====== Supplied material ======

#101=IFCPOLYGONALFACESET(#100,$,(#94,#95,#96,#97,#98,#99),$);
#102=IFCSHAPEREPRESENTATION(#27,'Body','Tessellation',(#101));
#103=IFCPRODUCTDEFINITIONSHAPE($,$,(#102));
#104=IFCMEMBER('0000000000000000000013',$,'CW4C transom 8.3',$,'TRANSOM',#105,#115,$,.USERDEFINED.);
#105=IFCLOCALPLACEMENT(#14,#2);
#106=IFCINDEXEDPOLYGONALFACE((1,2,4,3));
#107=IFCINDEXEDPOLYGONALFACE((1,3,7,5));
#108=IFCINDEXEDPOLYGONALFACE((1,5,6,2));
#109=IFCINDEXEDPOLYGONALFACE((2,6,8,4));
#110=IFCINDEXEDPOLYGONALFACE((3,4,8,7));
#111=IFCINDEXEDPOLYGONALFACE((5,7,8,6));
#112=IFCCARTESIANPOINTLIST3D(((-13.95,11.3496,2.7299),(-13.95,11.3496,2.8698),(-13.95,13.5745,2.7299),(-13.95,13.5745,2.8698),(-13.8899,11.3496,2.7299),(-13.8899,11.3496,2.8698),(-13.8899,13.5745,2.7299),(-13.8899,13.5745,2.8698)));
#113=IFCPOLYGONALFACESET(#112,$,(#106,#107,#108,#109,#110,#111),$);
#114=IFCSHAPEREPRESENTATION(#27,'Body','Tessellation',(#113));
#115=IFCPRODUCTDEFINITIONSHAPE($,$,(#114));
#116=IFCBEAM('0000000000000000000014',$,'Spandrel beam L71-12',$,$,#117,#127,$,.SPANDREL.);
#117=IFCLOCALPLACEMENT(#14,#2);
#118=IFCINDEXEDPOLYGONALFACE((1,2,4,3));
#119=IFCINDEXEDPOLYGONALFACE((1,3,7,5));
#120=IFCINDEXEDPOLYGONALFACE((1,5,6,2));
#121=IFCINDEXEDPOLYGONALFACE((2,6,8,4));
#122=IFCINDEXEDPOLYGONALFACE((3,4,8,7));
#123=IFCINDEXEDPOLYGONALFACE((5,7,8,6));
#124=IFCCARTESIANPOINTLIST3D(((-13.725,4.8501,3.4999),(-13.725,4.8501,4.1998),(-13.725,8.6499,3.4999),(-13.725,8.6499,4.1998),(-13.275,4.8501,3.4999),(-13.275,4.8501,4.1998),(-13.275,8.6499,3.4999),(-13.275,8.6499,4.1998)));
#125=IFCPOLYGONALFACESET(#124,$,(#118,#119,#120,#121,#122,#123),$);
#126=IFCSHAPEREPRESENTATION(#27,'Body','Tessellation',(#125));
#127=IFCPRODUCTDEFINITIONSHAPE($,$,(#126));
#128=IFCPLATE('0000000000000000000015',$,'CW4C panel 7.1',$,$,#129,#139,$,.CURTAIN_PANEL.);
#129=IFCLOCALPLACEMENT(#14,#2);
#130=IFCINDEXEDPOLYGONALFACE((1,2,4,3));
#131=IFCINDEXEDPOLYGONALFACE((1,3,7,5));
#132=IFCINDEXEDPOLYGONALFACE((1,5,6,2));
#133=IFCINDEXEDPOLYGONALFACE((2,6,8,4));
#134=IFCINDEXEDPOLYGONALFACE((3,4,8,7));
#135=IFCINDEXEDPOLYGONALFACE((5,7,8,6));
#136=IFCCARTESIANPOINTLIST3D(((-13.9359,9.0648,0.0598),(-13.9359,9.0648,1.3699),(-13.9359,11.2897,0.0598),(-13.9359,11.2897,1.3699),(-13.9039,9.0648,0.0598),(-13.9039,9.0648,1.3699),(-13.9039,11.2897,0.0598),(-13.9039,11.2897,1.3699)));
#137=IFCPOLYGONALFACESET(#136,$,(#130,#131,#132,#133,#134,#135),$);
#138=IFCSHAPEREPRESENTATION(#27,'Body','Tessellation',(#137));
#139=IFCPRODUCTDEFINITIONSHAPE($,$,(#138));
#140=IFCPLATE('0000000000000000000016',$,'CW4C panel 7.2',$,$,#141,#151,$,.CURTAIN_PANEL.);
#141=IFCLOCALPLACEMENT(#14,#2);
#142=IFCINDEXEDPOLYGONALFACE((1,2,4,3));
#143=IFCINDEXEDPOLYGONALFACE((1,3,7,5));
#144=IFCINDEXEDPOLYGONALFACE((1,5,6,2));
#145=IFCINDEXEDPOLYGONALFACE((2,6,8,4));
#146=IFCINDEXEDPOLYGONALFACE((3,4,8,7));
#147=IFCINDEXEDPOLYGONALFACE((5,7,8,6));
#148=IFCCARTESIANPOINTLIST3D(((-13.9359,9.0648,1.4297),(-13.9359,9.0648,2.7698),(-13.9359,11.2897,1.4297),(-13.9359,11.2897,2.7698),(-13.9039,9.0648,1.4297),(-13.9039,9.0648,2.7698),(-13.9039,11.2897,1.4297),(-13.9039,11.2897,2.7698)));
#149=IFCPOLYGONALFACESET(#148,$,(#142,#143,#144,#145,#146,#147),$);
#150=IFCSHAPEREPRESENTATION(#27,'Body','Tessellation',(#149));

======

*Problem details:*
Above are the entries; return each one exactly.

*Answer to this task:*
#101=IFCPOLYGONALFACESET(#100,$,(#94,#95,#96,#97,#98,#99),$);
#102=IFCSHAPEREPRESENTATION(#27,'Body','Tessellation',(#101));
#103=IFCPRODUCTDEFINITIONSHAPE($,$,(#102));
#104=IFCMEMBER('0000000000000000000013',$,'CW4C transom 8.3',$,'TRANSOM',#105,#115,$,.USERDEFINED.);
#105=IFCLOCALPLACEMENT(#14,#2);
#106=IFCINDEXEDPOLYGONALFACE((1,2,4,3));
#107=IFCINDEXEDPOLYGONALFACE((1,3,7,5));
#108=IFCINDEXEDPOLYGONALFACE((1,5,6,2));
#109=IFCINDEXEDPOLYGONALFACE((2,6,8,4));
#110=IFCINDEXEDPOLYGONALFACE((3,4,8,7));
#111=IFCINDEXEDPOLYGONALFACE((5,7,8,6));
#112=IFCCARTESIANPOINTLIST3D(((-13.95,11.3496,2.7299),(-13.95,11.3496,2.8698),(-13.95,13.5745,2.7299),(-13.95,13.5745,2.8698),(-13.8899,11.3496,2.7299),(-13.8899,11.3496,2.8698),(-13.8899,13.5745,2.7299),(-13.8899,13.5745,2.8698)));
#113=IFCPOLYGONALFACESET(#112,$,(#106,#107,#108,#109,#110,#111),$);
#114=IFCSHAPEREPRESENTATION(#27,'Body','Tessellation',(#113));
#115=IFCPRODUCTDEFINITIONSHAPE($,$,(#114));
#116=IFCBEAM('0000000000000000000014',$,'Spandrel beam L71-12',$,$,#117,#127,$,.SPANDREL.);
#117=IFCLOCALPLACEMENT(#14,#2);
#118=IFCINDEXEDPOLYGONALFACE((1,2,4,3));
#119=IFCINDEXEDPOLYGONALFACE((1,3,7,5));
#120=IFCINDEXEDPOLYGONALFACE((1,5,6,2));
#121=IFCINDEXEDPOLYGONALFACE((2,6,8,4));
#122=IFCINDEXEDPOLYGONALFACE((3,4,8,7));
#123=IFCINDEXEDPOLYGONALFACE((5,7,8,6));
#124=IFCCARTESIANPOINTLIST3D(((-13.725,4.8501,3.4999),(-13.725,4.8501,4.1998),(-13.725,8.6499,3.4999),(-13.725,8.6499,4.1998),(-13.275,4.8501,3.4999),(-13.275,4.8501,4.1998),(-13.275,8.6499,3.4999),(-13.275,8.6499,4.1998)));
#125=IFCPOLYGONALFACESET(#124,$,(#118,#119,#120,#121,#122,#123),$);
#126=IFCSHAPEREPRESENTATION(#27,'Body','Tessellation',(#125));
#127=IFCPRODUCTDEFINITIONSHAPE($,$,(#126));
#128=IFCPLATE('0000000000000000000015',$,'CW4C panel 7.1',$,$,#129,#139,$,.CURTAIN_PANEL.);
#129=IFCLOCALPLACEMENT(#14,#2);
#130=IFCINDEXEDPOLYGONALFACE((1,2,4,3));
#131=IFCINDEXEDPOLYGONALFACE((1,3,7,5));
#132=IFCINDEXEDPOLYGONALFACE((1,5,6,2));
#133=IFCINDEXEDPOLYGONALFACE((2,6,8,4));
#134=IFCINDEXEDPOLYGONALFACE((3,4,8,7));
#135=IFCINDEXEDPOLYGONALFACE((5,7,8,6));
#136=IFCCARTESIANPOINTLIST3D(((-13.9359,9.0648,0.0598),(-13.9359,9.0648,1.3699),(-13.9359,11.2897,0.0598),(-13.9359,11.2897,1.3699),(-13.9039,9.0648,0.0598),(-13.9039,9.0648,1.3699),(-13.9039,11.2897,0.0598),(-13.9039,11.2897,1.3699)));
#137=IFCPOLYGONALFACESET(#136,$,(#130,#131,#132,#133,#134,#135),$);
#138=IFCSHAPEREPRESENTATION(#27,'Body','Tessellation',(#137));
#139=IFCPRODUCTDEFINITIONSHAPE($,$,(#138));
#140=IFCPLATE('0000000000000000000016',$,'CW4C panel 7.2',$,$,#141,#151,$,.CURTAIN_PANEL.);
#141=IFCLOCALPLACEMENT(#14,#2);
#142=IFCINDEXEDPOLYGONALFACE((1,2,4,3));
#143=IFCINDEXEDPOLYGONALFACE((1,3,7,5));
#144=IFCINDEXEDPOLYGONALFACE((1,5,6,2));
#145=IFCINDEXEDPOLYGONALFACE((2,6,8,4));
#146=IFCINDEXEDPOLYGONALFACE((3,4,8,7));
#147=IFCINDEXEDPOLYGONALFACE((5,7,8,6));
#148=IFCCARTESIANPOINTLIST3D(((-13.9359,9.0648,1.4297),(-13.9359,9.0648,2.7698),(-13.9359,11.2897,1.4297),(-13.9359,11.2897,2.7698),(-13.9039,9.0648,1.4297),(-13.9039,9.0648,2.7698),(-13.9039,11.2897,1.4297),(-13.9039,11.2897,2.7698)));
#149=IFCPOLYGONALFACESET(#148,$,(#142,#143,#144,#145,#146,#147),$);
#150=IFCSHAPEREPRESENTATION(#27,'Body','Tessellation',(#149));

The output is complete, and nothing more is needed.